▶ Dataset entries
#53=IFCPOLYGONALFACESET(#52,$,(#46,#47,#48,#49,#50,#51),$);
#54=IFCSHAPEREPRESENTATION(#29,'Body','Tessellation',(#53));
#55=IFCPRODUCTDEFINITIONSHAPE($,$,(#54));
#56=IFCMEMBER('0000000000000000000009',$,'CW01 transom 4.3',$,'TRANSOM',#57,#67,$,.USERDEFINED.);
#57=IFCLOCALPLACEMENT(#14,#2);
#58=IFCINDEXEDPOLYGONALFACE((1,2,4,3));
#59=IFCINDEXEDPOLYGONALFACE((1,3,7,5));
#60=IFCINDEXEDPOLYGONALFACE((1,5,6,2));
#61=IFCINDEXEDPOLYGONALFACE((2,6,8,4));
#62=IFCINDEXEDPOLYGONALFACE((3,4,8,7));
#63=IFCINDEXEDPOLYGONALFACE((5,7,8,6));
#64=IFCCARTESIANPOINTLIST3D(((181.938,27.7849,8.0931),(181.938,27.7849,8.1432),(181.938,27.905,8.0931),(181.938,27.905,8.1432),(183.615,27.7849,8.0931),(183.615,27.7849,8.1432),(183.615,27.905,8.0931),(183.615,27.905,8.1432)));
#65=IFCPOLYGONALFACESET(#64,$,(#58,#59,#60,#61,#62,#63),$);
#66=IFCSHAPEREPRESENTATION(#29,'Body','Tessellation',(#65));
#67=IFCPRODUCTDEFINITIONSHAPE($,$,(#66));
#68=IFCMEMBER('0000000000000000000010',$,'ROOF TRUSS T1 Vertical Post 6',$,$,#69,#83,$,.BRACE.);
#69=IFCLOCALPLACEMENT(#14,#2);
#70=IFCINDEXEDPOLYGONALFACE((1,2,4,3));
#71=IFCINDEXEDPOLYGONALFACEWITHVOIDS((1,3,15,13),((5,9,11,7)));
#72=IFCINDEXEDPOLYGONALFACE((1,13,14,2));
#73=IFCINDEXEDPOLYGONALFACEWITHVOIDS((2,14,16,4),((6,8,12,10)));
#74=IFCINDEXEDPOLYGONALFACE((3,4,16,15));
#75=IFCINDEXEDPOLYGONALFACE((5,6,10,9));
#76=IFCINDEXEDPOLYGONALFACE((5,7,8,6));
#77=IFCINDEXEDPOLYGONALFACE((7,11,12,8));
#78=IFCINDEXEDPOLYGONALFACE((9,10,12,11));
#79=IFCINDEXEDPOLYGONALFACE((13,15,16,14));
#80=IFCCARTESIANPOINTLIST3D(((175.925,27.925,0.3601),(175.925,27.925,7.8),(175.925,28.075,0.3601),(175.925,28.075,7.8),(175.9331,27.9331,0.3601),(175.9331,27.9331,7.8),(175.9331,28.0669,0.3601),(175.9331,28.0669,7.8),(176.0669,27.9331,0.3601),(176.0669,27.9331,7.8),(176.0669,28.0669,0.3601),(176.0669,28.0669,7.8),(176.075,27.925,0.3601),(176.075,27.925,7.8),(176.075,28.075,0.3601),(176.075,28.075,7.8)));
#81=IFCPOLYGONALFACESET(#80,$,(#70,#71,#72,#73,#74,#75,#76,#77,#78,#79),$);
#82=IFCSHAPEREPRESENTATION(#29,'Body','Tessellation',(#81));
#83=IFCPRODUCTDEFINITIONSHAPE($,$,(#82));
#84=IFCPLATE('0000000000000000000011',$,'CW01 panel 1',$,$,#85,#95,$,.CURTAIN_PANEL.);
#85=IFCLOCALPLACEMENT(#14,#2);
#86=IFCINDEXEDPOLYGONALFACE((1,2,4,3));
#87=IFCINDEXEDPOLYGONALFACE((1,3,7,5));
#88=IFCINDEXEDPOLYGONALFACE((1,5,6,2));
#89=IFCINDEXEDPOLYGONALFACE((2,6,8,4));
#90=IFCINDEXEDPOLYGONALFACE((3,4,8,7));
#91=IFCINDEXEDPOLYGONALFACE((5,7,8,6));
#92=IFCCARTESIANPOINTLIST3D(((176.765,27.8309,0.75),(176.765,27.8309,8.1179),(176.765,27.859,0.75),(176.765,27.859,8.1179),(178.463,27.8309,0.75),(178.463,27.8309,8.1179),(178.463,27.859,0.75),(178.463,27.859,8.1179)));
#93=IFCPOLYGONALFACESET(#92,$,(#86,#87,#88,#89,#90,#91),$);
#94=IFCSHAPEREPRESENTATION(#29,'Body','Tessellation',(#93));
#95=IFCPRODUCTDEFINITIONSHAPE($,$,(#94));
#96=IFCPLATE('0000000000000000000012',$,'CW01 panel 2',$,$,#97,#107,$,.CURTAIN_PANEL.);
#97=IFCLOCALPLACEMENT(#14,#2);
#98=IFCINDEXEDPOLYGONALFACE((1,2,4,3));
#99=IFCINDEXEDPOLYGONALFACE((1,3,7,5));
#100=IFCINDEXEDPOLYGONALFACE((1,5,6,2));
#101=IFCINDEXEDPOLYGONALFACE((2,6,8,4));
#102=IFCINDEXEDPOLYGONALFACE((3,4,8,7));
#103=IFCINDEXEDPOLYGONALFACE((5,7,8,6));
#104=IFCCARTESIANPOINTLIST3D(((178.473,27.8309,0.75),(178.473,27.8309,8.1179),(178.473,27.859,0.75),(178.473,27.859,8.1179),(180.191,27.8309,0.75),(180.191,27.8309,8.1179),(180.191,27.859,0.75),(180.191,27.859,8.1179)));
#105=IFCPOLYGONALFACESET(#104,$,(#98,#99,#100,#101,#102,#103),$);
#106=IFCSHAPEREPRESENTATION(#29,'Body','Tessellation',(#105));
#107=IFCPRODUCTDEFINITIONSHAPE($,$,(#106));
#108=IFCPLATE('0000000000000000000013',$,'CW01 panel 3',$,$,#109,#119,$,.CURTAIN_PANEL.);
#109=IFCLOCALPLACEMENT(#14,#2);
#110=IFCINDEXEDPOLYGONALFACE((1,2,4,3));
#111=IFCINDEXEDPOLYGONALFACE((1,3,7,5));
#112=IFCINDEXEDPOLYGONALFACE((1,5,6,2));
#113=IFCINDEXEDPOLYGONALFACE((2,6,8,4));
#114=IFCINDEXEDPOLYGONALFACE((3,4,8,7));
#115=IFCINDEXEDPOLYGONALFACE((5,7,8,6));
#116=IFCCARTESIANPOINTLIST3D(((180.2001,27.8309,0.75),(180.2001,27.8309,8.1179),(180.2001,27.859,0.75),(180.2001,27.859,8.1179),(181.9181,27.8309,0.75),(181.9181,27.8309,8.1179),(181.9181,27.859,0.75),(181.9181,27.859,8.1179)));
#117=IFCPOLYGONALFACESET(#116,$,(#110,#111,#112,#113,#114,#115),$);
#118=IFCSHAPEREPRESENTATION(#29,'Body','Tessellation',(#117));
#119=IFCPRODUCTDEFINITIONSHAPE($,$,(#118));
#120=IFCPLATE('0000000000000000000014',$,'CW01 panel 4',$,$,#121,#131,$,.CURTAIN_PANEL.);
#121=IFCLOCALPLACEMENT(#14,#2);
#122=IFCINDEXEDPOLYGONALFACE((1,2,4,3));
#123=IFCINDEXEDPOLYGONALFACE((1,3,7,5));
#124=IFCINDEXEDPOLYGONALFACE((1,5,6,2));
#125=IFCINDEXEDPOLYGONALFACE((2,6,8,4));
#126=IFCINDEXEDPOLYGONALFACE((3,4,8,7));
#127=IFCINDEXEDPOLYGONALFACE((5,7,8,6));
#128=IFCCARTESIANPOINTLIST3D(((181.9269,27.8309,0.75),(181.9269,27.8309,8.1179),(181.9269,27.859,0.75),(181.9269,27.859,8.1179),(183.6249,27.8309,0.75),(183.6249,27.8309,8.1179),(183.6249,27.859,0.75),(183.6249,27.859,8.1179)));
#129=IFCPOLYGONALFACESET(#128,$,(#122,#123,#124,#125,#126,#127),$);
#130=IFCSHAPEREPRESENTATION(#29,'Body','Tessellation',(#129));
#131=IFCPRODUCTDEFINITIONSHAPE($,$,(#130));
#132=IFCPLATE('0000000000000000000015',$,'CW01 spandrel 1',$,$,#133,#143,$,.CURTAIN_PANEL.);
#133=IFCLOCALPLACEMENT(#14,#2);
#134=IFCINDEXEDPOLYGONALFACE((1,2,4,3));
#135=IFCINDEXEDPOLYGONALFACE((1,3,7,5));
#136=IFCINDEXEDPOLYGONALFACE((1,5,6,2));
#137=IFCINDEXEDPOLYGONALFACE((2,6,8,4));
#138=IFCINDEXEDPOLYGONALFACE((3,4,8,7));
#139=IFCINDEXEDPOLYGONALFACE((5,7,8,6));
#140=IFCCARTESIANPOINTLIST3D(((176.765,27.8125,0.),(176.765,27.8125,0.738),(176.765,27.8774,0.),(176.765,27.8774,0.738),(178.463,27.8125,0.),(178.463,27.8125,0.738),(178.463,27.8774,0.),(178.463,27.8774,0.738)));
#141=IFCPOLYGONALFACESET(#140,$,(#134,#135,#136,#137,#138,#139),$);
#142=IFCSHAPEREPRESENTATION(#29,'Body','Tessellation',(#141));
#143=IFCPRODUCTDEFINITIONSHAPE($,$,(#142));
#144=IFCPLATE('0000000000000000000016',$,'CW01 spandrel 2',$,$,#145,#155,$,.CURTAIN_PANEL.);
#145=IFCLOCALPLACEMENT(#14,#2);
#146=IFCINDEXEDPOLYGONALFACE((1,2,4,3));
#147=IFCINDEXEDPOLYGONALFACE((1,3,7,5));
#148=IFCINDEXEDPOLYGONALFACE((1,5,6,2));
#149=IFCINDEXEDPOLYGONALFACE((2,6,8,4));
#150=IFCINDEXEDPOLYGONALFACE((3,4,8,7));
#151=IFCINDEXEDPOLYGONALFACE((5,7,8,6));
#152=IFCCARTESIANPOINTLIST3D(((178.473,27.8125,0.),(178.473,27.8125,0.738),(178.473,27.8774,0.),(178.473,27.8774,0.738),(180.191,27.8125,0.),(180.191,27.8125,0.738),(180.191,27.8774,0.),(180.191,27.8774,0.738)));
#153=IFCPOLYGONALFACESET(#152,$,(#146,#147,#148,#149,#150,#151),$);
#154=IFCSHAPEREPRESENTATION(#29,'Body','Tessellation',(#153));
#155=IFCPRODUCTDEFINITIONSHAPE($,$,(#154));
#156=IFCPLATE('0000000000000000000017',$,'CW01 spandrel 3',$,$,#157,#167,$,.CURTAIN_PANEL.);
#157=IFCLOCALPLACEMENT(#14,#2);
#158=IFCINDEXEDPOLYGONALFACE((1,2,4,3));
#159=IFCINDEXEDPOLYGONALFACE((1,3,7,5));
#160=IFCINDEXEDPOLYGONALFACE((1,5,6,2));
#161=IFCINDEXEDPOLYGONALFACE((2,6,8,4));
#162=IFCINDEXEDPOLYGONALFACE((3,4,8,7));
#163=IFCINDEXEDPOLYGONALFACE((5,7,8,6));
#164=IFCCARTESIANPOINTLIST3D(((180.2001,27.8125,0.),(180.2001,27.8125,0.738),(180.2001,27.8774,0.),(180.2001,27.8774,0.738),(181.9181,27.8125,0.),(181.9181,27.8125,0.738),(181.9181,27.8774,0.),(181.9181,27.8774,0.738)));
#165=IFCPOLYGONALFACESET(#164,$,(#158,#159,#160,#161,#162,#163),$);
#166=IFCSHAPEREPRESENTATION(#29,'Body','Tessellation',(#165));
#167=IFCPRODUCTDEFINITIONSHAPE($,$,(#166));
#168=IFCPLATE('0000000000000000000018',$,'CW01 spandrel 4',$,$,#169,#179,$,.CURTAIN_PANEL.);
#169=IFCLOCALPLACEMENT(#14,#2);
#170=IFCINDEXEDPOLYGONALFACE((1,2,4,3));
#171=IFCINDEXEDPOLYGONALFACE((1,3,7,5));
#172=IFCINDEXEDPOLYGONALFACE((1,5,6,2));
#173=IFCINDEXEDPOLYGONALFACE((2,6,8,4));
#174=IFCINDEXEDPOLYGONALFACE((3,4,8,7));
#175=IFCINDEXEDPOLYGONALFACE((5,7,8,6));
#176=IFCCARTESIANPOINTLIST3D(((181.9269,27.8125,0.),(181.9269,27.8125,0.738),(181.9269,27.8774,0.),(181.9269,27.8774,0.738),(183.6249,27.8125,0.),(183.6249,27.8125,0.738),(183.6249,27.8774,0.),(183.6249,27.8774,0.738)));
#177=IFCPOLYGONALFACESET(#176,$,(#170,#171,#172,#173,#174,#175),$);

▶ What you need to do
The required output is the line holding "#172=IFCINDEXEDPOLYGONALFACE((1,5,6,2));" plus every line after it in the data, reproduced exactly.

▶ Exercise answer
#172=IFCINDEXEDPOLYGONALFACE((1,5,6,2));
#173=IFCINDEXEDPOLYGONALFACE((2,6,8,4));
#174=IFCINDEXEDPOLYGONALFACE((3,4,8,7));
#175=IFCINDEXEDPOLYGONALFACE((5,7,8,6));
#176=IFCCARTESIANPOINTLIST3D(((181.9269,27.8125,0.),(181.9269,27.8125,0.738),(181.9269,27.8774,0.),(181.9269,27.8774,0.738),(183.6249,27.8125,0.),(183.6249,27.8125,0.738),(183.6249,27.8774,0.),(183.6249,27.8774,0.738)));
#177=IFCPOLYGONALFACESET(#176,$,(#170,#171,#172,#173,#174,#175),$);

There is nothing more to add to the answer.